● STORED DATA

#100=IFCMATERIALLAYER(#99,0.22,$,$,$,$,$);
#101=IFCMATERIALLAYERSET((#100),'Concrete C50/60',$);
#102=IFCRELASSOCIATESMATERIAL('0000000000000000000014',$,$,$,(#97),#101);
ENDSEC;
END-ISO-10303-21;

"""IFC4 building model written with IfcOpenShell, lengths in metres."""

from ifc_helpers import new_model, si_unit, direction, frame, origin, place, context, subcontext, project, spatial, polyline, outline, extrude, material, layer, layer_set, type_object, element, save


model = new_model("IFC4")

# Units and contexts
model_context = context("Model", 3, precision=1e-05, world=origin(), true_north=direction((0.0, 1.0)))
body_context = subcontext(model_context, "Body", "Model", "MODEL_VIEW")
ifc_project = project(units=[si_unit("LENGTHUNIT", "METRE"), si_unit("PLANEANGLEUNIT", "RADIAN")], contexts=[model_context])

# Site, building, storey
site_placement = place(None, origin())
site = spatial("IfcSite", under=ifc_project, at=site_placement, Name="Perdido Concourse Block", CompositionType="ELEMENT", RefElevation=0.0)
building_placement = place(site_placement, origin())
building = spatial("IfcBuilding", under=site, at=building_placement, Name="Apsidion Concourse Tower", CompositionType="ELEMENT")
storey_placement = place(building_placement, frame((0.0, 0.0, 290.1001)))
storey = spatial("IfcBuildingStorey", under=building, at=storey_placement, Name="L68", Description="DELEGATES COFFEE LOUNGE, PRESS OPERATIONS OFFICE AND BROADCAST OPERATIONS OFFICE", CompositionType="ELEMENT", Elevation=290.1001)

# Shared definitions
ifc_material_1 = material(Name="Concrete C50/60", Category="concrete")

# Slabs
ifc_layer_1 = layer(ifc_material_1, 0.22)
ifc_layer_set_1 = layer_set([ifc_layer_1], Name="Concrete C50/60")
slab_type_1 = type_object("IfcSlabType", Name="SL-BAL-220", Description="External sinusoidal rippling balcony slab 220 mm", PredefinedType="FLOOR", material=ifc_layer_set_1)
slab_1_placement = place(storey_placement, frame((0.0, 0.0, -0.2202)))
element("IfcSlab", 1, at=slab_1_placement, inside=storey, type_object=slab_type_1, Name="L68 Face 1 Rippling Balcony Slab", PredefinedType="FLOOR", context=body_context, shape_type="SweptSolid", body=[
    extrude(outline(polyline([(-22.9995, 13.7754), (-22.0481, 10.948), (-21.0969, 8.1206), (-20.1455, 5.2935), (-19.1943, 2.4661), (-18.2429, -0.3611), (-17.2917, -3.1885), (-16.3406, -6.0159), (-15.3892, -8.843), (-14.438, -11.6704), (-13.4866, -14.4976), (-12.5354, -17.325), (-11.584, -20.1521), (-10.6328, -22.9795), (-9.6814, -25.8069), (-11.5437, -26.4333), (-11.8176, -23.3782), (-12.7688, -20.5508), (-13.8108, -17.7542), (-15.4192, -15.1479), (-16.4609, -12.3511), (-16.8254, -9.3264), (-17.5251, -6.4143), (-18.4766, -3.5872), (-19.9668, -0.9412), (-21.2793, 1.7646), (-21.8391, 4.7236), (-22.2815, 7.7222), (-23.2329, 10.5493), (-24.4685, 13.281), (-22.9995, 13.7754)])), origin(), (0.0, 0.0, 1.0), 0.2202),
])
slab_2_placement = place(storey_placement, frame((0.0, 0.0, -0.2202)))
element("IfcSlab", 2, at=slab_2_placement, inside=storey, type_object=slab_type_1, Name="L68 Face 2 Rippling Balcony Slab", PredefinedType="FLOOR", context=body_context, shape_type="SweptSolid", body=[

● PROBLEM DESCRIPTION
Print the lines above from the one with "#101=IFCMATERIALLAYERSET((#100),'Concrete C50/60',$);" through the one with "building model written", both included, exactly as written and nothing more.

● ANSWER SECTION
#101=IFCMATERIALLAYERSET((#100),'Concrete C50/60',$);
#102=IFCRELASSOCIATESMATERIAL('0000000000000000000014',$,$,$,(#97),#101);
ENDSEC;
END-ISO-10303-21;

"""IFC4 building model written with IfcOpenShell, lengths in metres."""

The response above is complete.